Problem to solve> Every line below that includes the word "IFCGEOMETRICREPRESENTATIONSUBCONTEXT" needs to be copied.
-- Information supplied follows --
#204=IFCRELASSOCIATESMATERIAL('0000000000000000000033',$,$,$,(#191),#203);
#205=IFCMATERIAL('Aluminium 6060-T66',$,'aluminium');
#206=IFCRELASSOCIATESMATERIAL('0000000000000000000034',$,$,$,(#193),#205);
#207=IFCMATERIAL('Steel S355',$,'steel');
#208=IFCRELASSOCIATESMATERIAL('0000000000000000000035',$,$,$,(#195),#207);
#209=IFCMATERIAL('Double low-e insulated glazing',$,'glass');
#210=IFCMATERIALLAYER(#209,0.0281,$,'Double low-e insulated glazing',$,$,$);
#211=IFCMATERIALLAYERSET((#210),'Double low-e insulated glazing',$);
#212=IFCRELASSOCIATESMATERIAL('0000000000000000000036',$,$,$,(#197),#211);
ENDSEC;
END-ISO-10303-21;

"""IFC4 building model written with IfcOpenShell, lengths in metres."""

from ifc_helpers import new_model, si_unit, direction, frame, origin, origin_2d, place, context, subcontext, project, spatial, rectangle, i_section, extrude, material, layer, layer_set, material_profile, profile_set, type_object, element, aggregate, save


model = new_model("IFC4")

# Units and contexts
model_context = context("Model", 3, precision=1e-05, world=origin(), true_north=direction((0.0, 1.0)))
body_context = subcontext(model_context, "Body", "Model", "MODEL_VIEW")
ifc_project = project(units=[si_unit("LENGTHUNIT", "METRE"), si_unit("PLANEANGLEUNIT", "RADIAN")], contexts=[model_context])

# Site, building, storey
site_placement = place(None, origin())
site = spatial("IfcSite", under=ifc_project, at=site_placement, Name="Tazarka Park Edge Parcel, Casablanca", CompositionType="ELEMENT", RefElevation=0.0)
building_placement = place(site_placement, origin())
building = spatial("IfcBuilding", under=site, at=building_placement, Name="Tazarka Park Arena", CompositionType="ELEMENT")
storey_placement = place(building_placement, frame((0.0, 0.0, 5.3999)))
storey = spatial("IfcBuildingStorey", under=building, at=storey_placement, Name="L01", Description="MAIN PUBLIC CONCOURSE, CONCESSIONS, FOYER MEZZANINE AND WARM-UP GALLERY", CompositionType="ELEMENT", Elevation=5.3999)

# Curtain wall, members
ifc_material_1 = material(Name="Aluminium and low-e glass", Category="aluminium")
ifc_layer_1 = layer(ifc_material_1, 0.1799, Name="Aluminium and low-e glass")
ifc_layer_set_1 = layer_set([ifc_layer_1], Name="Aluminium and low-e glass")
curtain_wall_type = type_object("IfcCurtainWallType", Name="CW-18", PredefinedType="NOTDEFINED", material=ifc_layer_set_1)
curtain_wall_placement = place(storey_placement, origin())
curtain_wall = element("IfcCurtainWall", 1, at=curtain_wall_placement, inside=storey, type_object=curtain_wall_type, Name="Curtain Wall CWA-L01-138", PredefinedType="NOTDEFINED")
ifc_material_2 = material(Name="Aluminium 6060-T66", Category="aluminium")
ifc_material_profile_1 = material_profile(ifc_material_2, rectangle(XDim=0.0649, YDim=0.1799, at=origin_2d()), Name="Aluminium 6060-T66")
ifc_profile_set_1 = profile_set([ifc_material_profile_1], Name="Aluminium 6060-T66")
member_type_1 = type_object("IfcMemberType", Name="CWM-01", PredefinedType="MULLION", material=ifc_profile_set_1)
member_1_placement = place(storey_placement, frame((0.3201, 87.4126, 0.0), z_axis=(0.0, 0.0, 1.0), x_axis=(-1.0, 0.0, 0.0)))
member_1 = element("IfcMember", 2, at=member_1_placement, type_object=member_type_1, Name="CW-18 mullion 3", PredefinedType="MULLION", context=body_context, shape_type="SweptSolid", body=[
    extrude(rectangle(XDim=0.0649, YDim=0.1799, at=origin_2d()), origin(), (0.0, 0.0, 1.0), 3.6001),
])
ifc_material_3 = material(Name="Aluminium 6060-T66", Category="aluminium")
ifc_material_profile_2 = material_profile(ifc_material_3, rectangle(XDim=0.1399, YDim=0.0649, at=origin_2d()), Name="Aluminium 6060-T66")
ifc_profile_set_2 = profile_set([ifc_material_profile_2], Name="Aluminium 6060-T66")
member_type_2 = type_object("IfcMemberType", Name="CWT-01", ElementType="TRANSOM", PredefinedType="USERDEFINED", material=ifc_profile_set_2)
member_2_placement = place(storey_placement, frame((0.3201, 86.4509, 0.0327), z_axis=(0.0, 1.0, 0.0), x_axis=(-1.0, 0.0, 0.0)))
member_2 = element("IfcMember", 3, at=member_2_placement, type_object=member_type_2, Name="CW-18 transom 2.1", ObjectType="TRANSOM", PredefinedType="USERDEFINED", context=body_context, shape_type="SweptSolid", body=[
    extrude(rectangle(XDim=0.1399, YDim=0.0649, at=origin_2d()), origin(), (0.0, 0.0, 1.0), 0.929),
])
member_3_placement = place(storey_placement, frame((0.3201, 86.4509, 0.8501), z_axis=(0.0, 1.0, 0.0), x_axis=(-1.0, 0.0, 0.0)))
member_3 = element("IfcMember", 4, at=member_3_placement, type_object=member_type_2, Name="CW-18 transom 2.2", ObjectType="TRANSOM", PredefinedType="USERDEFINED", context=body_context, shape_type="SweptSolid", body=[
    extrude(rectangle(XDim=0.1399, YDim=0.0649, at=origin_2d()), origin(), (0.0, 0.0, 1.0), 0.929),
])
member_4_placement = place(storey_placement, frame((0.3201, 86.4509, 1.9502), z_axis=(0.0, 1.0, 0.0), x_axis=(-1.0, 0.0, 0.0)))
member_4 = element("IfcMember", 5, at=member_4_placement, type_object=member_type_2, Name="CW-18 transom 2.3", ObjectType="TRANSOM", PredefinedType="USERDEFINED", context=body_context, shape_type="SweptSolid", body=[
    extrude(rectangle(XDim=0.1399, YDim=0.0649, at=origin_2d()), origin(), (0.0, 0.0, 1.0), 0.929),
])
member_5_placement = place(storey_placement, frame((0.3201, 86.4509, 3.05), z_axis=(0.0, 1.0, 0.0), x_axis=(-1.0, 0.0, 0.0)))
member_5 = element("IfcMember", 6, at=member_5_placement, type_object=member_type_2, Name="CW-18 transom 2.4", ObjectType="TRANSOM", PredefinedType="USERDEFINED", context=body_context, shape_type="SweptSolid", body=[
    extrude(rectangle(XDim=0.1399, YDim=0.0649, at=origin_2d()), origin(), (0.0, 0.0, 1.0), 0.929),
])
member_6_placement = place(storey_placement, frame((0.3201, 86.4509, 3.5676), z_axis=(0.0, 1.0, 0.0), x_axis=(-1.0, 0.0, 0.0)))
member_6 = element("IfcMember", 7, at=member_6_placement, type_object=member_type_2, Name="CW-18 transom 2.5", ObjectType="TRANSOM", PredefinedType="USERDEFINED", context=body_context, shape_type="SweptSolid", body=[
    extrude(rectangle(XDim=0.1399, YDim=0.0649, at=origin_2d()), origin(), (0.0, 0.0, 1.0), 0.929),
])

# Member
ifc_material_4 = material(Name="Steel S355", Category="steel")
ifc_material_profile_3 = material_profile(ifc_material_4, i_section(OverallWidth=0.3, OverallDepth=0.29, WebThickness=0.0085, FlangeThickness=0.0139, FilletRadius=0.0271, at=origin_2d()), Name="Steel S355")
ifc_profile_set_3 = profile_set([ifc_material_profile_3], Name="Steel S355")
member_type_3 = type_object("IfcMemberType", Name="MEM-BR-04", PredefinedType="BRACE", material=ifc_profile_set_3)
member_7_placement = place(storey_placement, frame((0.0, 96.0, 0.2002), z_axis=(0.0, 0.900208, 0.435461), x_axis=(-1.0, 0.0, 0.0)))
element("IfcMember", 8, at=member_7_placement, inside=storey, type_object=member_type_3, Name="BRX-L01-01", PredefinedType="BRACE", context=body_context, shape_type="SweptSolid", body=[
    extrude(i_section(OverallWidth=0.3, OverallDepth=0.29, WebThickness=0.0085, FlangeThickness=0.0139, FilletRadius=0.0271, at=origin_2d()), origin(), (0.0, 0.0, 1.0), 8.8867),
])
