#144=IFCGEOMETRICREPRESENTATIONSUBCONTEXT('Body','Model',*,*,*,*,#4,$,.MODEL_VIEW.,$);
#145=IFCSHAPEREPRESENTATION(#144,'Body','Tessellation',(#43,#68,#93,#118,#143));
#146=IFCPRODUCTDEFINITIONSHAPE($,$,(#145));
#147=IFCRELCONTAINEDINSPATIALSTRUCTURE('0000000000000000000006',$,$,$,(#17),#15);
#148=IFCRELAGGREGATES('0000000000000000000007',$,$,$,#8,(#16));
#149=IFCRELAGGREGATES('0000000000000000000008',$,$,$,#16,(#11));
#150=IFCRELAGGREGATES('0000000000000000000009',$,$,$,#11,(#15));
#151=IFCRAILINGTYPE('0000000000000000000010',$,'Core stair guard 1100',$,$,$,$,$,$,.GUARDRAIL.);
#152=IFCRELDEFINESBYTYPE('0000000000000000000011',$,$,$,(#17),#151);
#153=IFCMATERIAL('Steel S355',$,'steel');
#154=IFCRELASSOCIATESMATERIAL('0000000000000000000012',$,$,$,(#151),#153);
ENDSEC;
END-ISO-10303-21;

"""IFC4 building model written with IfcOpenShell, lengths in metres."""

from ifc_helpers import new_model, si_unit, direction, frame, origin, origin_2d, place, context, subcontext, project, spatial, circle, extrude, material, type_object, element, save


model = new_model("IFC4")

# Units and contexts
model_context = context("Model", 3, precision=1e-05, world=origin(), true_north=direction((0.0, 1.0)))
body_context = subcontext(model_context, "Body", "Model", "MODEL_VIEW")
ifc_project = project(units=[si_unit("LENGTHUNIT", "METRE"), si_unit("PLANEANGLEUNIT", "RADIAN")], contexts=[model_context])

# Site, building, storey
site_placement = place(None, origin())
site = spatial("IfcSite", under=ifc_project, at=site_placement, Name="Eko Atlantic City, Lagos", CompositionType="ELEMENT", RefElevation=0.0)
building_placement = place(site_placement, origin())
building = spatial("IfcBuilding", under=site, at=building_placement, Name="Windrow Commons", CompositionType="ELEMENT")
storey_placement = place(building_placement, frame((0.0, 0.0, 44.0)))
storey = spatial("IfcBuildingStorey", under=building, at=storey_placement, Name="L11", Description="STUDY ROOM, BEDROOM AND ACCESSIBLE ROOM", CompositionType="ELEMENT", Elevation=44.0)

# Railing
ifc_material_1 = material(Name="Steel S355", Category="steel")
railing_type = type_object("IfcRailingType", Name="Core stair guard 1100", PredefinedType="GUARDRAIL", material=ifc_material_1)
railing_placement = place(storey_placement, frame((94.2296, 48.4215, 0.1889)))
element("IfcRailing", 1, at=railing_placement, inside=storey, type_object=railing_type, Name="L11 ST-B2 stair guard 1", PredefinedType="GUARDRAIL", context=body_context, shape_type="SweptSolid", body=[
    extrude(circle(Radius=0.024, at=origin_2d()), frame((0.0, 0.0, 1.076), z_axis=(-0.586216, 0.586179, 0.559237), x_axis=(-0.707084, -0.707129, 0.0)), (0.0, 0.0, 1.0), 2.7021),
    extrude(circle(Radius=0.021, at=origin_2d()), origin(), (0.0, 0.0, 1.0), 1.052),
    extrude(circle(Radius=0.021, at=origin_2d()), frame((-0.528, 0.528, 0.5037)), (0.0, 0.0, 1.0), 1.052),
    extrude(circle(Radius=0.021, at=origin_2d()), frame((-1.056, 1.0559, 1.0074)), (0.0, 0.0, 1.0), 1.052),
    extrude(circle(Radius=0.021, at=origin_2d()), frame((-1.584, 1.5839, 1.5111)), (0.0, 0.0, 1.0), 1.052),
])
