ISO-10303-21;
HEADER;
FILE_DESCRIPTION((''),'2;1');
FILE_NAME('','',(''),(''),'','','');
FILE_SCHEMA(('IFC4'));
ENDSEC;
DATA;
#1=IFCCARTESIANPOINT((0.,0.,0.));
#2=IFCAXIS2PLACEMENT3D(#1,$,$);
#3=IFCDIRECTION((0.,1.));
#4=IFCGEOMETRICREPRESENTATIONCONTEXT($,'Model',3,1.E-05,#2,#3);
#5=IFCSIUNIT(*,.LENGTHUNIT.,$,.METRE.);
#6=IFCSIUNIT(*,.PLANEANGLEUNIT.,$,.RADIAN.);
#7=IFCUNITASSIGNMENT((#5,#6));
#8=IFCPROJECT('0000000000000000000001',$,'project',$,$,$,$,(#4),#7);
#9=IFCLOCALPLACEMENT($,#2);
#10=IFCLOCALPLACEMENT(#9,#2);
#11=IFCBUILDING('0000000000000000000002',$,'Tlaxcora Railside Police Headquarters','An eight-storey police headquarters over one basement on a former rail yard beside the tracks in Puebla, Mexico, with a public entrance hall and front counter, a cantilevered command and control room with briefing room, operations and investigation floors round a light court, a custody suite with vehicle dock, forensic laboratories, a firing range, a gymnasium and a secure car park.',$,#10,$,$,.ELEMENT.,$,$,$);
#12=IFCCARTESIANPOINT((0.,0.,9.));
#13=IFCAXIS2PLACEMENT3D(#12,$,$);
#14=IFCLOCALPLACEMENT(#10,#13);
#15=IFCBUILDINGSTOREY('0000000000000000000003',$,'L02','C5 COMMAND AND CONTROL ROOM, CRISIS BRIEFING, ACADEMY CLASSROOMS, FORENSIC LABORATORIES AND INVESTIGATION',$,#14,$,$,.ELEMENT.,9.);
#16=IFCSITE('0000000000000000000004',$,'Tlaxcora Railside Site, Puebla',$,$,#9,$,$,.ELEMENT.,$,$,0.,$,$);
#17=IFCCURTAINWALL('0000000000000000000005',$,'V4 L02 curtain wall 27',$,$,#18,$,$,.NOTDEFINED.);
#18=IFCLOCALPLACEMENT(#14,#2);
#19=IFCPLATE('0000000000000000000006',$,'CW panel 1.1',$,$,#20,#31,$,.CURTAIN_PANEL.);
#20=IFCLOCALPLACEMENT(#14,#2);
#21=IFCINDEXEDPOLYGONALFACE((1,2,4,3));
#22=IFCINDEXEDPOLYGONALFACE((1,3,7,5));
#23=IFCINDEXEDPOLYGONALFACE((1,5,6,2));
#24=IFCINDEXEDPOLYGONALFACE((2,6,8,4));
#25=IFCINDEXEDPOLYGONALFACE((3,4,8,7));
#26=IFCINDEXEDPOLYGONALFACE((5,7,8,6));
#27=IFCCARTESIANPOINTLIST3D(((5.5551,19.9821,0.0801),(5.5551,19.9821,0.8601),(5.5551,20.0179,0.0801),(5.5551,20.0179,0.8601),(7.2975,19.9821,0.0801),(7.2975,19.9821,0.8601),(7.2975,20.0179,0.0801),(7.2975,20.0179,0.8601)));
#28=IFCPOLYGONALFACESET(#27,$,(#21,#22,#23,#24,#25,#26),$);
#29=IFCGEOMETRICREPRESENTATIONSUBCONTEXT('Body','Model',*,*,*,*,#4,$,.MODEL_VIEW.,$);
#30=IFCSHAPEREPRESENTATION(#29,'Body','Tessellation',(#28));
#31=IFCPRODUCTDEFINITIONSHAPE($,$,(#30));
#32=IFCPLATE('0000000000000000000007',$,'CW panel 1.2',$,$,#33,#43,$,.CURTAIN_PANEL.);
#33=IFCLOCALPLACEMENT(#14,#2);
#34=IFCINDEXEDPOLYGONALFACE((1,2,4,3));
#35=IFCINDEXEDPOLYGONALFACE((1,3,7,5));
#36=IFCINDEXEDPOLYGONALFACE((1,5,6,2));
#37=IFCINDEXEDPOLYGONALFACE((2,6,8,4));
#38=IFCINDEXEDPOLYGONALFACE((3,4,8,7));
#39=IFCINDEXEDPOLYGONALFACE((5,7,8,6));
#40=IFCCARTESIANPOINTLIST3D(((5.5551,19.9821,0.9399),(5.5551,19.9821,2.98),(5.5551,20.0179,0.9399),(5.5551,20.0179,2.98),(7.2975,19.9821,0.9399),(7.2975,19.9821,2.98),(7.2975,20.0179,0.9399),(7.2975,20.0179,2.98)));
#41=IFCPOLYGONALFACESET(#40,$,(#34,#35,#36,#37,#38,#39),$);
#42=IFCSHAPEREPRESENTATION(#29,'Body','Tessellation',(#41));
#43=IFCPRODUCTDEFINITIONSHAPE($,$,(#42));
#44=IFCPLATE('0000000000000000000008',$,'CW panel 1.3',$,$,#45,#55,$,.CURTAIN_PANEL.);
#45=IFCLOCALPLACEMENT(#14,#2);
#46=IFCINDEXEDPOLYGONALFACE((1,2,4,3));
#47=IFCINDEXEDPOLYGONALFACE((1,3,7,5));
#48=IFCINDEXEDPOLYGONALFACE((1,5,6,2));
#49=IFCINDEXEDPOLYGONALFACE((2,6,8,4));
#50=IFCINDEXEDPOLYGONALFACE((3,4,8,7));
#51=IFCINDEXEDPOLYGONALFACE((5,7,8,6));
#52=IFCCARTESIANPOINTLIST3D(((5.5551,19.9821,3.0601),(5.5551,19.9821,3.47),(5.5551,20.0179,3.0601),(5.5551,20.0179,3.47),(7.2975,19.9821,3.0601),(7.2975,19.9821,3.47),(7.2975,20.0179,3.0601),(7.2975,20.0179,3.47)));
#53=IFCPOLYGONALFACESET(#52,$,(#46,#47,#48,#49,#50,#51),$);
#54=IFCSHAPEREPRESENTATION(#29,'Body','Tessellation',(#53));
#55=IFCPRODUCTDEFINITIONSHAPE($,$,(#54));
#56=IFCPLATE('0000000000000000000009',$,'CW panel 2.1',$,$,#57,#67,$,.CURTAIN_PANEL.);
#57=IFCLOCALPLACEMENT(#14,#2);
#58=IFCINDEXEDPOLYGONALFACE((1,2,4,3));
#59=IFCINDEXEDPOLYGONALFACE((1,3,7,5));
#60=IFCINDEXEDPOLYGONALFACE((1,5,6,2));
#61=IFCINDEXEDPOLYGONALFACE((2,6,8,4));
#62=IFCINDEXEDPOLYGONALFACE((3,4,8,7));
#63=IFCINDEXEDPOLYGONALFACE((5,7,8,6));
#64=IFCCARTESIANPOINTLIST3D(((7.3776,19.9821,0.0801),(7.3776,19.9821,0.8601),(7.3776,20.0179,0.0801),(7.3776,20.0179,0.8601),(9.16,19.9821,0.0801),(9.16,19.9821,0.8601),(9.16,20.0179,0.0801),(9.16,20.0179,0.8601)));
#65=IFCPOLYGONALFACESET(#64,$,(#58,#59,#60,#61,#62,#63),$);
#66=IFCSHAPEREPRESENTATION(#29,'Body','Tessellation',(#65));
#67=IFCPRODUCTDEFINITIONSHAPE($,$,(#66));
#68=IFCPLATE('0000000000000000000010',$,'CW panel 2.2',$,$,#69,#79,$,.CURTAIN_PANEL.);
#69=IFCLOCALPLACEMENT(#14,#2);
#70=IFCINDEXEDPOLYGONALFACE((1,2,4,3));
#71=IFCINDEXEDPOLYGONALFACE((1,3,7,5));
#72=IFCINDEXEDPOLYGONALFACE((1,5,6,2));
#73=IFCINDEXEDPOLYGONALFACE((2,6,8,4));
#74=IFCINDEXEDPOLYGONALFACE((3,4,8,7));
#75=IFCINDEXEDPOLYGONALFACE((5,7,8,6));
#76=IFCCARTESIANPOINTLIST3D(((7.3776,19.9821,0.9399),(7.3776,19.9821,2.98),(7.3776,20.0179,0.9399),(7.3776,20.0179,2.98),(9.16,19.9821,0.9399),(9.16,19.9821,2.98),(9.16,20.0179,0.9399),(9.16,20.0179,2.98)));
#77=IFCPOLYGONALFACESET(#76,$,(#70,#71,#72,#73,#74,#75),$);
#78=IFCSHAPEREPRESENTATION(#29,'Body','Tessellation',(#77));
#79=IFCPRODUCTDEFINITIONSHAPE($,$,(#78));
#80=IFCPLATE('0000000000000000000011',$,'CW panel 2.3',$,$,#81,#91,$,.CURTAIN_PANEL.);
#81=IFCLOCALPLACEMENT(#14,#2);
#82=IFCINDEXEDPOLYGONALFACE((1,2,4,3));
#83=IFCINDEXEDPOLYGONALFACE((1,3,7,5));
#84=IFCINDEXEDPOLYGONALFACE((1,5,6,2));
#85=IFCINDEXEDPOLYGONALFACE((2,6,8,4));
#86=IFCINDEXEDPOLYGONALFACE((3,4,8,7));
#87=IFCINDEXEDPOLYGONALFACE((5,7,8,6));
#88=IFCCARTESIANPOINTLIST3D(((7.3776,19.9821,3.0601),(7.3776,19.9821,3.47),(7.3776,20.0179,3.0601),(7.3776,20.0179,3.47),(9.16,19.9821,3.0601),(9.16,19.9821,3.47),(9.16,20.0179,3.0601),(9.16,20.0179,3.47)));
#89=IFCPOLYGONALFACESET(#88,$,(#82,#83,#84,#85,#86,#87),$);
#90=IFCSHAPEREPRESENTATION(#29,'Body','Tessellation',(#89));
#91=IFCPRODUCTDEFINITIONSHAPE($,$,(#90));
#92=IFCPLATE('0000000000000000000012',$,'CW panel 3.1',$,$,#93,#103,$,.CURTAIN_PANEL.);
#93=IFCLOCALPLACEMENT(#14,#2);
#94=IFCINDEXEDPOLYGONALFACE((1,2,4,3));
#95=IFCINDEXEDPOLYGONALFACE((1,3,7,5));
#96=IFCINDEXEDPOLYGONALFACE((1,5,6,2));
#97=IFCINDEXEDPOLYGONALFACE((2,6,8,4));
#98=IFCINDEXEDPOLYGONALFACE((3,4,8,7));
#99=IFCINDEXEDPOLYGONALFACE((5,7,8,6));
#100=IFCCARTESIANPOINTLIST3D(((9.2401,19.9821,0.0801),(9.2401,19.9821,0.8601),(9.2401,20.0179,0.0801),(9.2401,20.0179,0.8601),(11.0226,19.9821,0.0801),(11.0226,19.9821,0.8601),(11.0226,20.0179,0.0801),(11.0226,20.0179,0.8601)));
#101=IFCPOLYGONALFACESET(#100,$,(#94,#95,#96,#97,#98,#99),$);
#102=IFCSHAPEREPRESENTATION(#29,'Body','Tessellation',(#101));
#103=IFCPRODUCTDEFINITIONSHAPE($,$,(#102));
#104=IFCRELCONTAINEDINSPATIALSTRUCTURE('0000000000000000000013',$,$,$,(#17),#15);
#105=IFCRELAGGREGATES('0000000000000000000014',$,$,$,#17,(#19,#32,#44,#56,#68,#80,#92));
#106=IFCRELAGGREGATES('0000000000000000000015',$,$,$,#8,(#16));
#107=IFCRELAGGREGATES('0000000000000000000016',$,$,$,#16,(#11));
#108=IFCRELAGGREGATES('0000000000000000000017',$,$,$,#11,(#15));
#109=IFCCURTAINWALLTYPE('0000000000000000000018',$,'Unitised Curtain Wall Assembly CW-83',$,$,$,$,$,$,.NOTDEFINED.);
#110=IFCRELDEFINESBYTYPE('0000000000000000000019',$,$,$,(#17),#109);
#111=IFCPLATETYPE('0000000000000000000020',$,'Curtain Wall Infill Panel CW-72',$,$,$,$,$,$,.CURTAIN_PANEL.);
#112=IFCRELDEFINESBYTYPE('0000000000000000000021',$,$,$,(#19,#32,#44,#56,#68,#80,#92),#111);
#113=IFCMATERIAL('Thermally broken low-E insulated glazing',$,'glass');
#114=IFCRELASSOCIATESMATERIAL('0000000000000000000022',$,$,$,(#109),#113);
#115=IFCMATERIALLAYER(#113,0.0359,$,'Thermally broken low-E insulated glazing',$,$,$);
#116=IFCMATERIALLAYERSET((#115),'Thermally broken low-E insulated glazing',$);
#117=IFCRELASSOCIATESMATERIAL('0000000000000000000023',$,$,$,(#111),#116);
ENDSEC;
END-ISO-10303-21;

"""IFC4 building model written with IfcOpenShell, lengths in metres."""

from ifc_helpers import new_model, si_unit, direction, frame, origin, origin_2d, place, context, subcontext, project, spatial, rectangle, extrude, material, layer, layer_set, type_object, element, aggregate, save


model = new_model("IFC4")

# Units and contexts
model_context = context("Model", 3, precision=1e-05, world=origin(), true_north=direction((0.0, 1.0)))
body_context = subcontext(model_context, "Body", "Model", "MODEL_VIEW")
ifc_project = project(units=[si_unit("LENGTHUNIT", "METRE"), si_unit("PLANEANGLEUNIT", "RADIAN")], contexts=[model_context])

# Site, building, storey
site_placement = place(None, origin())
site = spatial("IfcSite", under=ifc_project, at=site_placement, Name="Tlaxcora Railside Site, Puebla", CompositionType="ELEMENT", RefElevation=0.0)
building_placement = place(site_placement, origin())
building = spatial("IfcBuilding", under=site, at=building_placement, Name="Tlaxcora Railside Police Headquarters", Description="An eight-storey police headquarters over one basement on a former rail yard beside the tracks in Puebla, Mexico, with a public entrance hall and front counter, a cantilevered command and control room with briefing room, operations and investigation floors round a light court, a custody suite with vehicle dock, forensic laboratories, a firing range, a gymnasium and a secure car park.", CompositionType="ELEMENT")
storey_placement = place(building_placement, frame((0.0, 0.0, 9.0)))
storey = spatial("IfcBuildingStorey", under=building, at=storey_placement, Name="L02", Description="C5 COMMAND AND CONTROL ROOM, CRISIS BRIEFING, ACADEMY CLASSROOMS, FORENSIC LABORATORIES AND INVESTIGATION", CompositionType="ELEMENT", Elevation=9.0)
-- Information supplied concluded --
Finished exercise>
#144=IFCGEOMETRICREPRESENTATIONSUBCONTEXT('Body','Model',*,*,*,*,#4,$,.MODEL_VIEW.,$);
#29=IFCGEOMETRICREPRESENTATIONSUBCONTEXT('Body','Model',*,*,*,*,#4,$,.MODEL_VIEW.,$);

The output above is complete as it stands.